### WHAT TO PRODUCE:
Stop at the line containing "(7724x4640)',$,$,$,$,$,'GLAZED CURTAIN WALL',.USERDEFINED.);": every line of the listing from the first up to that one must be set down exactly.

§ §

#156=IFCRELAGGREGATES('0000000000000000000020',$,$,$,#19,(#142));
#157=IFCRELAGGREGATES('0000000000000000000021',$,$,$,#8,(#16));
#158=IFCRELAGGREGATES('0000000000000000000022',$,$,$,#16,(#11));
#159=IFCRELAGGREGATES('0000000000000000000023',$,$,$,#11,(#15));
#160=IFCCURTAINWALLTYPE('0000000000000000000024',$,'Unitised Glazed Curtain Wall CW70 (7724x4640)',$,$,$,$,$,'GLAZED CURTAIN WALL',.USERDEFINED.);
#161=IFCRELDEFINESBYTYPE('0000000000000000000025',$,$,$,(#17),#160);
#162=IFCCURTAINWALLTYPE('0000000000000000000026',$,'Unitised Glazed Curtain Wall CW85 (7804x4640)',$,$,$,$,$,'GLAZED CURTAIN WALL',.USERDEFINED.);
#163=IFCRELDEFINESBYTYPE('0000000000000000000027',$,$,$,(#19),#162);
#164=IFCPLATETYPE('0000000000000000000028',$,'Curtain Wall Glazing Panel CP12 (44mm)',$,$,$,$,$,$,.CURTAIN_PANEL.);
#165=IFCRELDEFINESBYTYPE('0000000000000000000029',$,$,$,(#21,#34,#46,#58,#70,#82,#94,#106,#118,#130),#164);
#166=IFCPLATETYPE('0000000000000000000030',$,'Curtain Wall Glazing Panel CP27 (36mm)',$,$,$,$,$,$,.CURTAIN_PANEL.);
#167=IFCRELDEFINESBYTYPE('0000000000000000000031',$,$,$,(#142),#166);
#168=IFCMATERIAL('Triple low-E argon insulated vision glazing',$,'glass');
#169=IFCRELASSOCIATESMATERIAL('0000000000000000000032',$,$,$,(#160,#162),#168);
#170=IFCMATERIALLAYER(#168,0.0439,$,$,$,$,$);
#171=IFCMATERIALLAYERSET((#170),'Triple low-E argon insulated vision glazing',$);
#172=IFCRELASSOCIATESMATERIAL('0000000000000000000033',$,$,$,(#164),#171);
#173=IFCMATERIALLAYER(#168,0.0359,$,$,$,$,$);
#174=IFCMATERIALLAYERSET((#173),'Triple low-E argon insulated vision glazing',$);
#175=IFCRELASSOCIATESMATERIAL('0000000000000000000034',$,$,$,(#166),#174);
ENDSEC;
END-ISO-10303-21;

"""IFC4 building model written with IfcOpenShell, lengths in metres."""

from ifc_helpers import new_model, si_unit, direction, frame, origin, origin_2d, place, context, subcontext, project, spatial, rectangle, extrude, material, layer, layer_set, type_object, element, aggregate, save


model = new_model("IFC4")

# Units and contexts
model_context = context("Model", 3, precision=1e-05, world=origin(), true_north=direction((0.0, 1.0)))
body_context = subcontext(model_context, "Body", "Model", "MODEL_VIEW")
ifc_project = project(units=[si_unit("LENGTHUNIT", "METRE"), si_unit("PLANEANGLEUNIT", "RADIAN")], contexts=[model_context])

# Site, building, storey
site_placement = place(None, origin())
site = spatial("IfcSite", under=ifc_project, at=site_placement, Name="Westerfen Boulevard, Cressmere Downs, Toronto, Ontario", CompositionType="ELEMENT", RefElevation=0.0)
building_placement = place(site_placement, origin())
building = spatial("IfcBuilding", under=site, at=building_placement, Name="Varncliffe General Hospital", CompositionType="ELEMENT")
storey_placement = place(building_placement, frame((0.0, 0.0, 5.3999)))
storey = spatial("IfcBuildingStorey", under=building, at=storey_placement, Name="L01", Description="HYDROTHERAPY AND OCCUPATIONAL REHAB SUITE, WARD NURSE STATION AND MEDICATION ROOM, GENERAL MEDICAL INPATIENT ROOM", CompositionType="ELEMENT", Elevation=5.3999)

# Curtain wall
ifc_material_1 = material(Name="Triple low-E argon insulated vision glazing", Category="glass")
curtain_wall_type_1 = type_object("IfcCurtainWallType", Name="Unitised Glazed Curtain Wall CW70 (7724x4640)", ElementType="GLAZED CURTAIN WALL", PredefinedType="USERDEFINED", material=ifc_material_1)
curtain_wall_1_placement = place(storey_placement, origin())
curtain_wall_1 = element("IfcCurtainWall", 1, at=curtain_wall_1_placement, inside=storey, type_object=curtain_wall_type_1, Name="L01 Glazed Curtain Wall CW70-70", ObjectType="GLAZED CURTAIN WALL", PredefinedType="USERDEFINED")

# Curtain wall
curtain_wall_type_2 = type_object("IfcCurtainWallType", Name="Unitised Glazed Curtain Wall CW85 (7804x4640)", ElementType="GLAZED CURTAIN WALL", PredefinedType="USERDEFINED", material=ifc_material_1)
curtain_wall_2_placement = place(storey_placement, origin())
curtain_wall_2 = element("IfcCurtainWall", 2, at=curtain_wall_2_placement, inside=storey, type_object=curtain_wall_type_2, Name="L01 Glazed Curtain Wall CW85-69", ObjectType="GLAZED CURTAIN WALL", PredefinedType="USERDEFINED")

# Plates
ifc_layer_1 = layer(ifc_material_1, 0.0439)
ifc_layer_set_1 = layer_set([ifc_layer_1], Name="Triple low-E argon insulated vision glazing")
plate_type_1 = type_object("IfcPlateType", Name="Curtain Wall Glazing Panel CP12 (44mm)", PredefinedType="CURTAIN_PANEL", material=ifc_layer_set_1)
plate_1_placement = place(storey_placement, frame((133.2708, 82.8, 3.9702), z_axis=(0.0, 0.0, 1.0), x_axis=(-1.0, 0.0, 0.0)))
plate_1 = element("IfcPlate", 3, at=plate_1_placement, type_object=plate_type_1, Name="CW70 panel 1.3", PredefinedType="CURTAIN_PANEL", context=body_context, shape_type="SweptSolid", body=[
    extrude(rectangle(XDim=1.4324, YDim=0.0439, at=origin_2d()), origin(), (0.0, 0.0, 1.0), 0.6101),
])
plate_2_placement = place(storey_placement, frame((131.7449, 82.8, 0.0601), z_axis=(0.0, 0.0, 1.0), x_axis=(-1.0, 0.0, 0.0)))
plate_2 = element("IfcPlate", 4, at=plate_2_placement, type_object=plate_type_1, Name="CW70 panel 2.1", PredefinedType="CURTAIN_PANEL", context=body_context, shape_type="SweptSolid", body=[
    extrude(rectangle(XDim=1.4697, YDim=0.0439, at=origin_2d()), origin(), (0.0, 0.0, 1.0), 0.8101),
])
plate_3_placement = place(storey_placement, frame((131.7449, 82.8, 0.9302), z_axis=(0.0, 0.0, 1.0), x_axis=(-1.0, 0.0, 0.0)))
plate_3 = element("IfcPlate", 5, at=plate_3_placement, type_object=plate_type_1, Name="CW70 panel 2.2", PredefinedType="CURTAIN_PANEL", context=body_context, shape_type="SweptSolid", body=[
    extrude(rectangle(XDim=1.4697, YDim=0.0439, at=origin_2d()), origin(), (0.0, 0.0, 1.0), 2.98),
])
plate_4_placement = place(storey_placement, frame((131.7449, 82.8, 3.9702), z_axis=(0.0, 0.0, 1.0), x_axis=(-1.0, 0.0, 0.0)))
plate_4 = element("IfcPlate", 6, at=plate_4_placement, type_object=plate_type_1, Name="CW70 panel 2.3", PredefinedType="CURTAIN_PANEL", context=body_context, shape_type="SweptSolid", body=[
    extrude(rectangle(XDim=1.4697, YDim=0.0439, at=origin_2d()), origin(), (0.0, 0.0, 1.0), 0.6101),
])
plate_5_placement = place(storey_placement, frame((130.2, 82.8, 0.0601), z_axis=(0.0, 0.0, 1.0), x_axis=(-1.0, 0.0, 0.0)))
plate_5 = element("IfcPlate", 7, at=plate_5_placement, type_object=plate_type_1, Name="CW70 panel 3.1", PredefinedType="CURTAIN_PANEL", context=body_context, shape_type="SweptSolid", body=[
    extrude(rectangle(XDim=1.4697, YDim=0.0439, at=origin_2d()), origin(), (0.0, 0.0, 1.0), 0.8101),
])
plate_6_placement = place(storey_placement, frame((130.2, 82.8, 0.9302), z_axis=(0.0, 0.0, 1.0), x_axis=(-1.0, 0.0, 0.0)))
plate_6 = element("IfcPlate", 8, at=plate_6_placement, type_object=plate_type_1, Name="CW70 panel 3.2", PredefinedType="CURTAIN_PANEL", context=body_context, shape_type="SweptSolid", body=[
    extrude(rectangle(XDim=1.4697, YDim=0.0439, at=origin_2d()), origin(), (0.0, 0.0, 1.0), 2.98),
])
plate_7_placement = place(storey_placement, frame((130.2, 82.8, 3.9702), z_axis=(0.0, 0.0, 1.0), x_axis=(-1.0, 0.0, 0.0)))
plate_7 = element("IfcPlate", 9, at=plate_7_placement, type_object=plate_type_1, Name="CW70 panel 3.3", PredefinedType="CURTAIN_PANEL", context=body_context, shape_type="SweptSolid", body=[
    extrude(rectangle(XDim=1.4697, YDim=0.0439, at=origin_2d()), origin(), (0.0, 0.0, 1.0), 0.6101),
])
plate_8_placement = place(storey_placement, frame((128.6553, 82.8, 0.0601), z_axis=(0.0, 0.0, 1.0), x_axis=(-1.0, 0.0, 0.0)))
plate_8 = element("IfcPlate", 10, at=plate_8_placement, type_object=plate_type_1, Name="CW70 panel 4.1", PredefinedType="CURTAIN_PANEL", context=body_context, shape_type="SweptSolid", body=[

§ §

### SOLUTION FOR THIS TASK:
#156=IFCRELAGGREGATES('0000000000000000000020',$,$,$,#19,(#142));
#157=IFCRELAGGREGATES('0000000000000000000021',$,$,$,#8,(#16));
#158=IFCRELAGGREGATES('0000000000000000000022',$,$,$,#16,(#11));
#159=IFCRELAGGREGATES('0000000000000000000023',$,$,$,#11,(#15));
#160=IFCCURTAINWALLTYPE('0000000000000000000024',$,'Unitised Glazed Curtain Wall CW70 (7724x4640)',$,$,$,$,$,'GLAZED CURTAIN WALL',.USERDEFINED.);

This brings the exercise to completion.